Required action:
Locate every line in the material below that has the word "frame". Copy each of those lines.

Excerpted records:
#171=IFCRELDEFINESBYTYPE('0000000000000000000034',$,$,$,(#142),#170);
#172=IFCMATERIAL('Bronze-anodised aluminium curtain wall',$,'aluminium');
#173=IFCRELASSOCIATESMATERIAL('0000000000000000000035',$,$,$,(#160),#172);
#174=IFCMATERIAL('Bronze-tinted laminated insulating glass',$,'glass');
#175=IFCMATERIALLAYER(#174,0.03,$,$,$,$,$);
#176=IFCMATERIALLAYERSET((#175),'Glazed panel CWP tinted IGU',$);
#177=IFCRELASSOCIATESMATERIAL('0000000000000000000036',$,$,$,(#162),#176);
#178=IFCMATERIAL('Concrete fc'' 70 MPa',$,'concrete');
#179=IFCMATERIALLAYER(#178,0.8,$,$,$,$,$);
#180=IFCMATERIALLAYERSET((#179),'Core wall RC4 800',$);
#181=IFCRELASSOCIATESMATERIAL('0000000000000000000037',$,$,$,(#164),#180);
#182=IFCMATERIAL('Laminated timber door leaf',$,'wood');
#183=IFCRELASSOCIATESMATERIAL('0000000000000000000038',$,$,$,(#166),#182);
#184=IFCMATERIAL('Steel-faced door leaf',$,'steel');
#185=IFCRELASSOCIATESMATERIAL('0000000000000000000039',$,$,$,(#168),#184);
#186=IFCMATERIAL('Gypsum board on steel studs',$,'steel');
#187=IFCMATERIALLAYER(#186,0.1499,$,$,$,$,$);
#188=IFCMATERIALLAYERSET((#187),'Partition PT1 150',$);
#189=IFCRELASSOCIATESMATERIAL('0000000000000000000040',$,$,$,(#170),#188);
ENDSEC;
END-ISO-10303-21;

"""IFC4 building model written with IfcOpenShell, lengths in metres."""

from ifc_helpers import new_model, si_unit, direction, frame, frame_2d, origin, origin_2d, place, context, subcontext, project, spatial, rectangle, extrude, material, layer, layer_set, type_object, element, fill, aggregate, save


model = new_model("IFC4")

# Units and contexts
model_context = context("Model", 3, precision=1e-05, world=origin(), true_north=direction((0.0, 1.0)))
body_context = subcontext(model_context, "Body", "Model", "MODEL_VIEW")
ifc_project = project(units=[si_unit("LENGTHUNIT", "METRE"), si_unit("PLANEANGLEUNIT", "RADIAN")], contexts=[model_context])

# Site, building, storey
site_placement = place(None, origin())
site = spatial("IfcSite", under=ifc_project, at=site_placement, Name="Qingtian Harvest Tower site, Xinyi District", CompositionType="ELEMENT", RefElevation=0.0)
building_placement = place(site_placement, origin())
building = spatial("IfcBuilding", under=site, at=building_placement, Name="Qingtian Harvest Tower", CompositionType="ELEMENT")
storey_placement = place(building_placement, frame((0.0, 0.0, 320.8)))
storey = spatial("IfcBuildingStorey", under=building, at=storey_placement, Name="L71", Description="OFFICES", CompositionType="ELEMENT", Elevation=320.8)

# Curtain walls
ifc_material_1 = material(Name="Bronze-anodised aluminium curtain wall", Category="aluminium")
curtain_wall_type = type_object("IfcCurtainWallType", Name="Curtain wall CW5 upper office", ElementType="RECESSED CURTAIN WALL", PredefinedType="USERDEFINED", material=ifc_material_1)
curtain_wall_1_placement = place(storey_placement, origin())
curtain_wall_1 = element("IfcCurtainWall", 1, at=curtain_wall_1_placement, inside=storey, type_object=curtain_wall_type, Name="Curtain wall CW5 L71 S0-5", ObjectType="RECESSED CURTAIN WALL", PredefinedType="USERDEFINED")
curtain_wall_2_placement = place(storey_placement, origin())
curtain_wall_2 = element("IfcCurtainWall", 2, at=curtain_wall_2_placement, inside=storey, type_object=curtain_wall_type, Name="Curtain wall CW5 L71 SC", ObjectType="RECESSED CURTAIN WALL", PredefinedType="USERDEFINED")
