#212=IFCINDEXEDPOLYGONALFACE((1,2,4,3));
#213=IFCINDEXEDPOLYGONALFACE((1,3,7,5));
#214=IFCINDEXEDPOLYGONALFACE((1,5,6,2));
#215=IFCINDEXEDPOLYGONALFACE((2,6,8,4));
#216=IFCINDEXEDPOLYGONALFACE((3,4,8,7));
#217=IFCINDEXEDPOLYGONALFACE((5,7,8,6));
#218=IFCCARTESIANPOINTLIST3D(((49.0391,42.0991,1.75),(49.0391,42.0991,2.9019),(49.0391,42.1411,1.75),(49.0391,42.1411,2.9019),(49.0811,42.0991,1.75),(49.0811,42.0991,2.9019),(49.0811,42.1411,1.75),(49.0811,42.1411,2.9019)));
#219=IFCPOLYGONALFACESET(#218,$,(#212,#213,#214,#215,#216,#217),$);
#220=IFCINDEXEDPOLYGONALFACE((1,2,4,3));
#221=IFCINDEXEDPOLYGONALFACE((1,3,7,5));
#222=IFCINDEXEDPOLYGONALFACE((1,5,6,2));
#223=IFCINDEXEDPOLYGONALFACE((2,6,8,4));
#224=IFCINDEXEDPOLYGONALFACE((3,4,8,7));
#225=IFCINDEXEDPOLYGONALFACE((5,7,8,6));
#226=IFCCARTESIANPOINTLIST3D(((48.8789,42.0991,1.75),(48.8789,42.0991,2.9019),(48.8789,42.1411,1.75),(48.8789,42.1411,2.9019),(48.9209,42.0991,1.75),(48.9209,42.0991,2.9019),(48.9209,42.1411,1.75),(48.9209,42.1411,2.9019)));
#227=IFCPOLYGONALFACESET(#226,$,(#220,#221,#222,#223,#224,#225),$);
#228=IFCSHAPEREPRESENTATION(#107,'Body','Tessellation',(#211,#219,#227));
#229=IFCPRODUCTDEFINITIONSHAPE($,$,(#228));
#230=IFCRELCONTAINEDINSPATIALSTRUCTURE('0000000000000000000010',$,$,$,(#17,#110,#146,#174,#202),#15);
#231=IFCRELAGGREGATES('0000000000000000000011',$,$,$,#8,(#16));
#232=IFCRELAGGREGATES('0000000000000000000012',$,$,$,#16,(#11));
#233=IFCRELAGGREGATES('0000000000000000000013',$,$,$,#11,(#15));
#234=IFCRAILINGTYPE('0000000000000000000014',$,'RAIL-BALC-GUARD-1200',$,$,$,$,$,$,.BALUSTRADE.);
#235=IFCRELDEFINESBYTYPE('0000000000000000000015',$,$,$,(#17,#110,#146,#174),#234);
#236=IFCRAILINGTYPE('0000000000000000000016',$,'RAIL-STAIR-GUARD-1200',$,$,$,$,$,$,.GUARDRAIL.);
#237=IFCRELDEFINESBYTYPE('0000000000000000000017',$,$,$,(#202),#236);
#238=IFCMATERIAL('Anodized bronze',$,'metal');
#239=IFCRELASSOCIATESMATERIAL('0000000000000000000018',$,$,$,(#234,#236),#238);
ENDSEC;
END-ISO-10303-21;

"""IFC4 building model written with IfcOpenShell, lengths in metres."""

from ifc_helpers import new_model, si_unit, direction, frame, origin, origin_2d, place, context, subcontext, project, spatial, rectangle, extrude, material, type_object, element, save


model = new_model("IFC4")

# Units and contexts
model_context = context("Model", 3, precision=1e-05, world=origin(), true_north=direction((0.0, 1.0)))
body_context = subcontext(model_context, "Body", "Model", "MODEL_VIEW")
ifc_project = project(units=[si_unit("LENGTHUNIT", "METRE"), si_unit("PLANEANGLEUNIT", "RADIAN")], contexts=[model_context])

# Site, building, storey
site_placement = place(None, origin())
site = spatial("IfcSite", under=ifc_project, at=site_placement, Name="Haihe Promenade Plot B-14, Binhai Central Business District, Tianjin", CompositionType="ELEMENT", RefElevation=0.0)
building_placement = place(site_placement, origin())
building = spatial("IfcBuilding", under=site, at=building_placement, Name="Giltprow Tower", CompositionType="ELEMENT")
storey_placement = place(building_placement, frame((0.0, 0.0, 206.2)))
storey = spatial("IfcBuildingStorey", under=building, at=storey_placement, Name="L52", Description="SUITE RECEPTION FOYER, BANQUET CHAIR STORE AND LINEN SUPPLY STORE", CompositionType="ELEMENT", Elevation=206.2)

Your solution:
from ifc_helpers import new_model, si_unit, direction, frame, frame_2d, origin, origin_2d, place, context, subcontext, project, spatial, rectangle, extrude, material, layer, layer_set, type_object, element, fill, aggregate, save
storey_placement = place(building_placement, frame((0.0, 0.0, 320.8)))
from ifc_helpers import new_model, si_unit, direction, frame, origin, origin_2d, place, context, subcontext, project, spatial, rectangle, extrude, material, type_object, element, save
storey_placement = place(building_placement, frame((0.0, 0.0, 206.2)))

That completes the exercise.